About this task: Look through the records below for the line with "#12=IFCCARTESIANPOINT((0.,0.,89.8501));". Return that line and each one after it up to and including the line with "#22=IFCINDEXEDPOLYGONALFACE((2,6,8,4));", exactly.

BEGIN Material provided

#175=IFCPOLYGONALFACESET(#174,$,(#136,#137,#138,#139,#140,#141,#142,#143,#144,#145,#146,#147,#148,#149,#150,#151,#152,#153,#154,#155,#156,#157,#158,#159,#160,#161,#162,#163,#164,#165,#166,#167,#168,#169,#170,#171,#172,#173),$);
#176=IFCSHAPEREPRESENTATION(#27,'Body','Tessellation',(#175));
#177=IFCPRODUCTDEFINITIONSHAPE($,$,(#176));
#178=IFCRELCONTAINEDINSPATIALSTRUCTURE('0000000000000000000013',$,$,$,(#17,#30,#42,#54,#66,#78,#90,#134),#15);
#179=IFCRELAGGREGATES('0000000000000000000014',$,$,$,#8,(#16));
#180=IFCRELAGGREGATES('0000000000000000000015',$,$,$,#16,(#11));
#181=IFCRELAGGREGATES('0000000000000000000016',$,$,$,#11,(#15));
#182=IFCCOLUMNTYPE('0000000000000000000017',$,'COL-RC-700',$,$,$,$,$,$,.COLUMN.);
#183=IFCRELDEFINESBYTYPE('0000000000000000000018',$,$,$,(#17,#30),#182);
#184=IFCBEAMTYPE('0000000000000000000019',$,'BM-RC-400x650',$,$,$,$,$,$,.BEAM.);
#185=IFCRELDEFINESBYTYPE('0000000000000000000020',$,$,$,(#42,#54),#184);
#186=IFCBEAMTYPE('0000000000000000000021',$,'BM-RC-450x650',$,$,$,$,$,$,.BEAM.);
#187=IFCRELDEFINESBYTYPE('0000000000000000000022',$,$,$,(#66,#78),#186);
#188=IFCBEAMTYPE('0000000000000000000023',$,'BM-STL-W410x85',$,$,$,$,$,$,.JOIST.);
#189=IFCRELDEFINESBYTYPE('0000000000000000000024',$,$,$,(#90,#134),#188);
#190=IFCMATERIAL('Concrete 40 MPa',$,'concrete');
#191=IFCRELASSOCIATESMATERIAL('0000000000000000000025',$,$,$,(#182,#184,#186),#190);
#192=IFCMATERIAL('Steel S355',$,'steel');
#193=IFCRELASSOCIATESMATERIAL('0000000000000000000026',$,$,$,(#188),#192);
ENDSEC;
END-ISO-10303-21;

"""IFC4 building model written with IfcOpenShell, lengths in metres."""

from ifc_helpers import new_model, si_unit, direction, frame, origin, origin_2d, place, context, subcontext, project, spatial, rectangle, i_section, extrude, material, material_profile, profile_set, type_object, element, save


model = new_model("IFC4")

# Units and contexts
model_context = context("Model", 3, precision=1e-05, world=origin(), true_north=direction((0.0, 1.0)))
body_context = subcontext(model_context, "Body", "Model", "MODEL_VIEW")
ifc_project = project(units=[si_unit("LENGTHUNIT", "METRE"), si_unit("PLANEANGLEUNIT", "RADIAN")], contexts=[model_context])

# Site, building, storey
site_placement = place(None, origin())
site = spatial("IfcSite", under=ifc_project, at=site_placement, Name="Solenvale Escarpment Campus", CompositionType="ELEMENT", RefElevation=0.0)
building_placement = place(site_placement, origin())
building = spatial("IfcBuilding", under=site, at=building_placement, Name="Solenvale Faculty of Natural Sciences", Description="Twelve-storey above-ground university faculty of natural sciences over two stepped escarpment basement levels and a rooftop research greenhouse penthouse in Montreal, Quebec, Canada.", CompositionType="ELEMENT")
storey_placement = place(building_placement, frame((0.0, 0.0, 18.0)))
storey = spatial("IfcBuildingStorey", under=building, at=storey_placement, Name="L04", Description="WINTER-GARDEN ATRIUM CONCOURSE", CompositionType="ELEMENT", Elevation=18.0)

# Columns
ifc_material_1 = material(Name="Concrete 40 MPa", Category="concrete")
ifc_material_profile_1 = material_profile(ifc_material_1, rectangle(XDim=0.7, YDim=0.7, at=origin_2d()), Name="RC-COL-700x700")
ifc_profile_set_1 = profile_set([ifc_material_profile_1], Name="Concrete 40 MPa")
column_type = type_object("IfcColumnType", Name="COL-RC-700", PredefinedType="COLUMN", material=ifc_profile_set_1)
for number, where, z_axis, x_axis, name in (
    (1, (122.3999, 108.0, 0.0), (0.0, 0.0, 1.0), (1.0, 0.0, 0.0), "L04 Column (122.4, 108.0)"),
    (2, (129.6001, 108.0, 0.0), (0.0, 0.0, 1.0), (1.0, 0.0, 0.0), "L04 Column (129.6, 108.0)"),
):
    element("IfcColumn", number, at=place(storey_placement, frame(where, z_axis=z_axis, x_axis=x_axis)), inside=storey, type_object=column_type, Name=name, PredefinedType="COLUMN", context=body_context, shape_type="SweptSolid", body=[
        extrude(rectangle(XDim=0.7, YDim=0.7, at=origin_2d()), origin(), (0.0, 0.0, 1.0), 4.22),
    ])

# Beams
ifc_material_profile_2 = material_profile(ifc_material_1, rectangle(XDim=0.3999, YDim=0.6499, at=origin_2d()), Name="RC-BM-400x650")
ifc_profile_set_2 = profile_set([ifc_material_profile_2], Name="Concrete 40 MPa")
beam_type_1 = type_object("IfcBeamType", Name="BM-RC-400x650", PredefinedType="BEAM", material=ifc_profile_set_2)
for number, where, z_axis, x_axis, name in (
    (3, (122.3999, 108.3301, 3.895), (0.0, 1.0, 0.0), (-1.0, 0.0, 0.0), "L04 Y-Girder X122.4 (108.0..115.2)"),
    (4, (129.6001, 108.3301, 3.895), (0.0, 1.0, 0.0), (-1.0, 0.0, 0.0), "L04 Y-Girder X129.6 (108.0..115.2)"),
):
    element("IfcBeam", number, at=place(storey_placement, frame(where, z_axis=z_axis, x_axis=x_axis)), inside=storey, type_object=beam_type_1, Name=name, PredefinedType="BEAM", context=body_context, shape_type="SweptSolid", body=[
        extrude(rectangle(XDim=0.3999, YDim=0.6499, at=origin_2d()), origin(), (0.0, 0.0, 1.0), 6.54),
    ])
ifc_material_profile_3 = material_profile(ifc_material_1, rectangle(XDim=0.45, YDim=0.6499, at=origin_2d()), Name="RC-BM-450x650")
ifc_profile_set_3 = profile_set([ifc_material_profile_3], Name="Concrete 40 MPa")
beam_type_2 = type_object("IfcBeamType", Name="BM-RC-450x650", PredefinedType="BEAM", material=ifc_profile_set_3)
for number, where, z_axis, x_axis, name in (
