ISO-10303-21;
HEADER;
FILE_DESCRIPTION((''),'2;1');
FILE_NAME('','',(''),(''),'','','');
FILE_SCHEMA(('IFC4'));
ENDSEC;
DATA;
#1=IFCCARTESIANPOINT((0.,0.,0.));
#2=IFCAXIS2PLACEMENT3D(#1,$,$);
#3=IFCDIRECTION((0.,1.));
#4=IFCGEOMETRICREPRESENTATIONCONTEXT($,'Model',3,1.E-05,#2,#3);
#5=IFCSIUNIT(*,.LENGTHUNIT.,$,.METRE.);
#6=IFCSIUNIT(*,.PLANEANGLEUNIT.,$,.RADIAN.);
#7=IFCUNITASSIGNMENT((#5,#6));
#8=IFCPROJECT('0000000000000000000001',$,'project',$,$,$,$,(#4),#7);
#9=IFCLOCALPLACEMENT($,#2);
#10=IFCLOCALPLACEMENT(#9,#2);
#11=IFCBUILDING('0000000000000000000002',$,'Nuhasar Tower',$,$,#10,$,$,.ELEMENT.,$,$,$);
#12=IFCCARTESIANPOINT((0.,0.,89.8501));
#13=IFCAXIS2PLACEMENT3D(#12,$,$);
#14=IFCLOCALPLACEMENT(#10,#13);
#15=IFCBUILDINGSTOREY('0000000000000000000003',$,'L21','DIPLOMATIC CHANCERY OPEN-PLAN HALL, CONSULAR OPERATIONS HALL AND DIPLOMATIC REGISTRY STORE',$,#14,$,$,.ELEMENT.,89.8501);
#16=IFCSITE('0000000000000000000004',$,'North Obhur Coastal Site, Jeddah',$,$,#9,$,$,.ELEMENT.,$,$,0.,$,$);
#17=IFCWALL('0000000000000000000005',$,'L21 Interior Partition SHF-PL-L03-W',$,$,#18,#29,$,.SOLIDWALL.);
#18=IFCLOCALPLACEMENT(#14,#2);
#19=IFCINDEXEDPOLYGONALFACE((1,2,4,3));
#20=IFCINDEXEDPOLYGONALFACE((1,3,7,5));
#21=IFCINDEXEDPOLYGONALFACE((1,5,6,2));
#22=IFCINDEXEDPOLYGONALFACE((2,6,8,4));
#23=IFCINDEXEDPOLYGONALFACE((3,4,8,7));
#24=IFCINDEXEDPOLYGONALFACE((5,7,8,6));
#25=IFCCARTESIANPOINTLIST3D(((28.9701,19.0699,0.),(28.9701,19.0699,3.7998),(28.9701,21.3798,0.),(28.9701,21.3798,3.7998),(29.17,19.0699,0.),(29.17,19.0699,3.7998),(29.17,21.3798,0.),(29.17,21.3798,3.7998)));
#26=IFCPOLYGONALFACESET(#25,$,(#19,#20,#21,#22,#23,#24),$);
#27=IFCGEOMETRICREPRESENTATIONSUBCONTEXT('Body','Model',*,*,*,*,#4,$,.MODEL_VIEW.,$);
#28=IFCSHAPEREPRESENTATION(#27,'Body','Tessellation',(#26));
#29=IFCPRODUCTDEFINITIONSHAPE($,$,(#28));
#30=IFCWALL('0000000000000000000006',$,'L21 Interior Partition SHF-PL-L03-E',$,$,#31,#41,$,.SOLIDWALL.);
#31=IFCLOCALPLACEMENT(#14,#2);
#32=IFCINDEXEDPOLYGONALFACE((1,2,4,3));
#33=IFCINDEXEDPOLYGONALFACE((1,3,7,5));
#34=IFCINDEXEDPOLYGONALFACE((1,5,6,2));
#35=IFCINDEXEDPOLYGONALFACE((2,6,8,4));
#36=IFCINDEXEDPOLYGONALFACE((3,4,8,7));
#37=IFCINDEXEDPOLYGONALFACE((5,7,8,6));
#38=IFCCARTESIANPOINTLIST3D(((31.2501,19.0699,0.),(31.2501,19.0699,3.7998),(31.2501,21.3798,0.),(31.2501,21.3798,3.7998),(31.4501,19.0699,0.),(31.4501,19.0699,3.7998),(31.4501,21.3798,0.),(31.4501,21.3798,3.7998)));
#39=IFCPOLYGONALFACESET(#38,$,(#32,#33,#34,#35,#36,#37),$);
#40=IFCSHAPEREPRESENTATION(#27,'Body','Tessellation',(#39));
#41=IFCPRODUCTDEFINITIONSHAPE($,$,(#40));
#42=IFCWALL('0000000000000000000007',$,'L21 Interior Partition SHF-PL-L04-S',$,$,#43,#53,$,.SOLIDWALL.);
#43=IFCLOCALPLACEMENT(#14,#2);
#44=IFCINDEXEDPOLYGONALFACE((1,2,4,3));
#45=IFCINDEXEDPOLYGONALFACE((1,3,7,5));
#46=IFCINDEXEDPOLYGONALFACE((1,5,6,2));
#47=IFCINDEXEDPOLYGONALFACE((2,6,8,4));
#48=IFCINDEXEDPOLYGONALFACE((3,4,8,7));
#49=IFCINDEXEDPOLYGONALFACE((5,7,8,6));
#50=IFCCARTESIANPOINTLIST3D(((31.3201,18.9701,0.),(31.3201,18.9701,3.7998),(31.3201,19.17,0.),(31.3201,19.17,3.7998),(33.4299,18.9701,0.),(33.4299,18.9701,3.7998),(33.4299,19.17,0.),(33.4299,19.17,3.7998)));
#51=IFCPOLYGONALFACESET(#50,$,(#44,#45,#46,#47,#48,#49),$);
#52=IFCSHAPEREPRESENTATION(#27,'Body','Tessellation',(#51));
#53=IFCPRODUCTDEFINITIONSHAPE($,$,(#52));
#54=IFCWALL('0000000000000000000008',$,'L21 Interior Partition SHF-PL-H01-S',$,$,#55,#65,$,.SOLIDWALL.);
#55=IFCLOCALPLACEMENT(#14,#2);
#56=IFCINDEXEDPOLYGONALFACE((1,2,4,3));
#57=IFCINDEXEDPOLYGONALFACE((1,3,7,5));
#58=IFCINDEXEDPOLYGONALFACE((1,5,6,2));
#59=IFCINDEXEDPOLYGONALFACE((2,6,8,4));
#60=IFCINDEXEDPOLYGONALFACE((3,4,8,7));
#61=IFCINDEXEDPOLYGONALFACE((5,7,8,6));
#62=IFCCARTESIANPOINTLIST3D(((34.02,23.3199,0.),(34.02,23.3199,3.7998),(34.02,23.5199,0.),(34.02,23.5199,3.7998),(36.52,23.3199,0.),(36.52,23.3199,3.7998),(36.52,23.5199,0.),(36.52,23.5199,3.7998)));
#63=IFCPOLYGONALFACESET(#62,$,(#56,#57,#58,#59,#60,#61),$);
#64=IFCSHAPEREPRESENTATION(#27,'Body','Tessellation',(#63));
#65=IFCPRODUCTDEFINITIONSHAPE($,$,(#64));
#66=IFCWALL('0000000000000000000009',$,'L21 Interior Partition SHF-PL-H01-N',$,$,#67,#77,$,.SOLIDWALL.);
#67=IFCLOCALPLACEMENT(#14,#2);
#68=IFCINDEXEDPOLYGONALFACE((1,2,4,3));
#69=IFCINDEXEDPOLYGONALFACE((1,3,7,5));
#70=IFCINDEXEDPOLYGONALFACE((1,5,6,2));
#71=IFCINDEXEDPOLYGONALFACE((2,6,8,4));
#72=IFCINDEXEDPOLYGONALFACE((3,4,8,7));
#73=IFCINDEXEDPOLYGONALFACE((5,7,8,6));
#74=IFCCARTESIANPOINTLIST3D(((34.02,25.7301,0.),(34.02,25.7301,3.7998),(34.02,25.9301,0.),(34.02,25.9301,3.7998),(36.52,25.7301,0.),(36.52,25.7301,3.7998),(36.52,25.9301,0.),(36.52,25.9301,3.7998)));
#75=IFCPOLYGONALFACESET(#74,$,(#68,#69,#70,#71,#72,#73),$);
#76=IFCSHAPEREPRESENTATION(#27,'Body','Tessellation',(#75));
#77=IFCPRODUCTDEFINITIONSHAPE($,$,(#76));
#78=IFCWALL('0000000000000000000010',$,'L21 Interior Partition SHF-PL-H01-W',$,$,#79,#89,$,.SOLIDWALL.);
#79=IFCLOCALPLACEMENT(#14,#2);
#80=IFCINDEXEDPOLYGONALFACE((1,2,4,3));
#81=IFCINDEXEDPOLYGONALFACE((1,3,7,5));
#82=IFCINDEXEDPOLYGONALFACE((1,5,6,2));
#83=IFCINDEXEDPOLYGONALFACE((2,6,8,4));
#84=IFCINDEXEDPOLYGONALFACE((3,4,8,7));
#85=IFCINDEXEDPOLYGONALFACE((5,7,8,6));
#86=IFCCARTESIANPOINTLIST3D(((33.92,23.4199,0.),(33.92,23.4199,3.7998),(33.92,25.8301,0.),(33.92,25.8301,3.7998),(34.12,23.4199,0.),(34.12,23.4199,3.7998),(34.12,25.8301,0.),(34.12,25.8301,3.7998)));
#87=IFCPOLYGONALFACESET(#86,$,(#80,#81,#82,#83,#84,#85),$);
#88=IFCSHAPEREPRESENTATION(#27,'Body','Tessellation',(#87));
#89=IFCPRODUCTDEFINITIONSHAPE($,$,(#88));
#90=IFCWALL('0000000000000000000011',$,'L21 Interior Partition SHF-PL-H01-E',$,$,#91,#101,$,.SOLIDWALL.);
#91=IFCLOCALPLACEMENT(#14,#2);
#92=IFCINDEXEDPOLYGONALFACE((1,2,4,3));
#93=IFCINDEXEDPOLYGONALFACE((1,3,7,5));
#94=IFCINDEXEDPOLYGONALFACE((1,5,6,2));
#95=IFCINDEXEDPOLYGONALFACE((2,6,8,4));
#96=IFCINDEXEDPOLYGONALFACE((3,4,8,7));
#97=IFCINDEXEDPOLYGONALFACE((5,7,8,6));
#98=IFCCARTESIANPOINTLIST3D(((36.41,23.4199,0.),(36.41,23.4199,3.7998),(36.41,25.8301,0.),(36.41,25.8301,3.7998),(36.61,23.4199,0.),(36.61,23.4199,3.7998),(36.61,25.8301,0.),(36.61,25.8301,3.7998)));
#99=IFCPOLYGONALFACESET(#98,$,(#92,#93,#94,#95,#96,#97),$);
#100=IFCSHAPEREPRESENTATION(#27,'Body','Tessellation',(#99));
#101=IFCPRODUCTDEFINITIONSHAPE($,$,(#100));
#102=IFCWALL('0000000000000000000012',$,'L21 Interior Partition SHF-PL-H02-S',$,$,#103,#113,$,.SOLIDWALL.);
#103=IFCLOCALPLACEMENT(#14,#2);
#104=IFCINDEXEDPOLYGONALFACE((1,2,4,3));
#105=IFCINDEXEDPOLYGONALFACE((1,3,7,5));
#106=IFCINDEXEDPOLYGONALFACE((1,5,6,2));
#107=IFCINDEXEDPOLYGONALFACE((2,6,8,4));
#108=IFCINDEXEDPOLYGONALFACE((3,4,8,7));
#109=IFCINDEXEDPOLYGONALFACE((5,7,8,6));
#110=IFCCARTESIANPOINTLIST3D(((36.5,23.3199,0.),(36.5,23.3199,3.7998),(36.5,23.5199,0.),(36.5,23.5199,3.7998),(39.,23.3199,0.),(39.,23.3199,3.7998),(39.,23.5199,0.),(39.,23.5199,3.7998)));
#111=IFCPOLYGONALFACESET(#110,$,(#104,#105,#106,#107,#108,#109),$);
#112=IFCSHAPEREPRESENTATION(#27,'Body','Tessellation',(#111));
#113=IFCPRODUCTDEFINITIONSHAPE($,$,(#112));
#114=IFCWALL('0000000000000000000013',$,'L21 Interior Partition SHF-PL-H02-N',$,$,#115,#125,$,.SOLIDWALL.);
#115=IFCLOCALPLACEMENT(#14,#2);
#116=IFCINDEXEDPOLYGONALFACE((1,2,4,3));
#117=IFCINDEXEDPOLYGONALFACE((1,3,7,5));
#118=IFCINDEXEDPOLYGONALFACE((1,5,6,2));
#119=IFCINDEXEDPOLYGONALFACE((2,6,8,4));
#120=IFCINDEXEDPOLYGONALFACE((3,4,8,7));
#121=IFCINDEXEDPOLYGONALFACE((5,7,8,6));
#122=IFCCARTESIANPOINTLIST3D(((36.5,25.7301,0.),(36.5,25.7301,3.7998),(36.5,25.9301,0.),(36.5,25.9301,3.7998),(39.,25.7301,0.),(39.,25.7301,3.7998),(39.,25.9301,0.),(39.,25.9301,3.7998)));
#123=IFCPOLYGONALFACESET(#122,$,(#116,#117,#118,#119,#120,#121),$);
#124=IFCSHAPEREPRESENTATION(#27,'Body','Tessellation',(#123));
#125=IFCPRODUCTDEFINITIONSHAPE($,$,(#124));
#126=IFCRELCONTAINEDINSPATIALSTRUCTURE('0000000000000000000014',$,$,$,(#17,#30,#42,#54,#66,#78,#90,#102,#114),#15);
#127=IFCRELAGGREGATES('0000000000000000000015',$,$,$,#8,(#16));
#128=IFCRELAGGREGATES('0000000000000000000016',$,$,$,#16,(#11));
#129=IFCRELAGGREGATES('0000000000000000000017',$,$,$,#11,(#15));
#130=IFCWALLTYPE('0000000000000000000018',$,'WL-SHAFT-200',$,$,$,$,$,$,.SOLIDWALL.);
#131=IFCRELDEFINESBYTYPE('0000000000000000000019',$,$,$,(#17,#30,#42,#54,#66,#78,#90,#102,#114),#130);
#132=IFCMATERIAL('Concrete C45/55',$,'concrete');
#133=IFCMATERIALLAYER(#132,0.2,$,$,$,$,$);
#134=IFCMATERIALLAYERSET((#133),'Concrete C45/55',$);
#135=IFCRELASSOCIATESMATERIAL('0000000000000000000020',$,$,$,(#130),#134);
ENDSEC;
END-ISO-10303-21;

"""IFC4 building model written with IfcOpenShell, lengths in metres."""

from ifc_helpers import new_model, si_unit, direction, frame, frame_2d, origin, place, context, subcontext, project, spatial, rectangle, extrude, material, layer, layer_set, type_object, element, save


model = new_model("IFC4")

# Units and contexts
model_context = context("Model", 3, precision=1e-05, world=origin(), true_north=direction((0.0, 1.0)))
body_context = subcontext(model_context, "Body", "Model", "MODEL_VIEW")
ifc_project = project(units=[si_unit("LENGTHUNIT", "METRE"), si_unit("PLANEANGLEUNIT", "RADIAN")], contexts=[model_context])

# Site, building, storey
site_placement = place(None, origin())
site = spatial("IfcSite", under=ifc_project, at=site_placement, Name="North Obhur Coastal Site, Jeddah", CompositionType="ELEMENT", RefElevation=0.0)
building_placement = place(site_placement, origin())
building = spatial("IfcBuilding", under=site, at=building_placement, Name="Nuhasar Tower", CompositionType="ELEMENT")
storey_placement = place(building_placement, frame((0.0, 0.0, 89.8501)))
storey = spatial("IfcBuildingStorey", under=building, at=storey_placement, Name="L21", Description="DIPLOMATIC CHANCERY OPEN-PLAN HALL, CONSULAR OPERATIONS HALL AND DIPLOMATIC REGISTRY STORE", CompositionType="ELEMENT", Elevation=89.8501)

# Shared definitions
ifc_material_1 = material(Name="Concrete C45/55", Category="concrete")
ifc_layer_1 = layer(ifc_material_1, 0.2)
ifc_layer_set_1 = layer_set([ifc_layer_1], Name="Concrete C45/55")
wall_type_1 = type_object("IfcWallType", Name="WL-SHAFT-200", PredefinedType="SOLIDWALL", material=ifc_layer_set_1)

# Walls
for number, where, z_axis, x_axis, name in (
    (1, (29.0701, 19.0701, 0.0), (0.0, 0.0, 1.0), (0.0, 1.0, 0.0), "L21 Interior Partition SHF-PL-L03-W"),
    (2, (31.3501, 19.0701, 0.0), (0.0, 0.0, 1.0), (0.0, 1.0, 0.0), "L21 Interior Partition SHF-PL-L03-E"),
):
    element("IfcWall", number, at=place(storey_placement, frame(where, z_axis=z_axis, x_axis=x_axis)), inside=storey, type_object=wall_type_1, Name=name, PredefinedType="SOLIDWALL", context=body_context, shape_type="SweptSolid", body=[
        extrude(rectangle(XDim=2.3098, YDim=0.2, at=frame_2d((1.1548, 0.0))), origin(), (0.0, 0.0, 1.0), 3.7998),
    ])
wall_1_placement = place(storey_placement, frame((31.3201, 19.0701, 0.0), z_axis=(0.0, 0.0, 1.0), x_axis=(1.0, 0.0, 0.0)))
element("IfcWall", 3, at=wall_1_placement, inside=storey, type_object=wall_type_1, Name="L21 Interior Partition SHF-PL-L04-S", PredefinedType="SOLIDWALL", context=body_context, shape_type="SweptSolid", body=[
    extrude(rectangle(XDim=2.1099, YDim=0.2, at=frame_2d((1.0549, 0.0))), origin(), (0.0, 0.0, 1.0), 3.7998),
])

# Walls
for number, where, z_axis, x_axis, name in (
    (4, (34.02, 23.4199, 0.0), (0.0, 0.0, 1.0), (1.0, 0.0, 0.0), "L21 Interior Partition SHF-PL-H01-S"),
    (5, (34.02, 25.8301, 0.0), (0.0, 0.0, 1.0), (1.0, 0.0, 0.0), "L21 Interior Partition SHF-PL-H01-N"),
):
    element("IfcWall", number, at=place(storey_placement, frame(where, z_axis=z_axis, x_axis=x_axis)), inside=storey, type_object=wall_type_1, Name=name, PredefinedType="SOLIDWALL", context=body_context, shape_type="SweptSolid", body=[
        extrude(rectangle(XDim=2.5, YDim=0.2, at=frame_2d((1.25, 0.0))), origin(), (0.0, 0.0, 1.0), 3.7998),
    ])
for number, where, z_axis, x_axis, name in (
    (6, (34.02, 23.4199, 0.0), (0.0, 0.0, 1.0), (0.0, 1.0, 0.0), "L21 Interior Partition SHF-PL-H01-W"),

END Material provided

Solution for this exercise:
#12=IFCCARTESIANPOINT((0.,0.,89.8501));
#13=IFCAXIS2PLACEMENT3D(#12,$,$);
#14=IFCLOCALPLACEMENT(#10,#13);
#15=IFCBUILDINGSTOREY('0000000000000000000003',$,'L21','DIPLOMATIC CHANCERY OPEN-PLAN HALL, CONSULAR OPERATIONS HALL AND DIPLOMATIC REGISTRY STORE',$,#14,$,$,.ELEMENT.,89.8501);
#16=IFCSITE('0000000000000000000004',$,'North Obhur Coastal Site, Jeddah',$,$,#9,$,$,.ELEMENT.,$,$,0.,$,$);
#17=IFCWALL('0000000000000000000005',$,'L21 Interior Partition SHF-PL-L03-W',$,$,#18,#29,$,.SOLIDWALL.);
#18=IFCLOCALPLACEMENT(#14,#2);
#19=IFCINDEXEDPOLYGONALFACE((1,2,4,3));
#20=IFCINDEXEDPOLYGONALFACE((1,3,7,5));
#21=IFCINDEXEDPOLYGONALFACE((1,5,6,2));
#22=IFCINDEXEDPOLYGONALFACE((2,6,8,4));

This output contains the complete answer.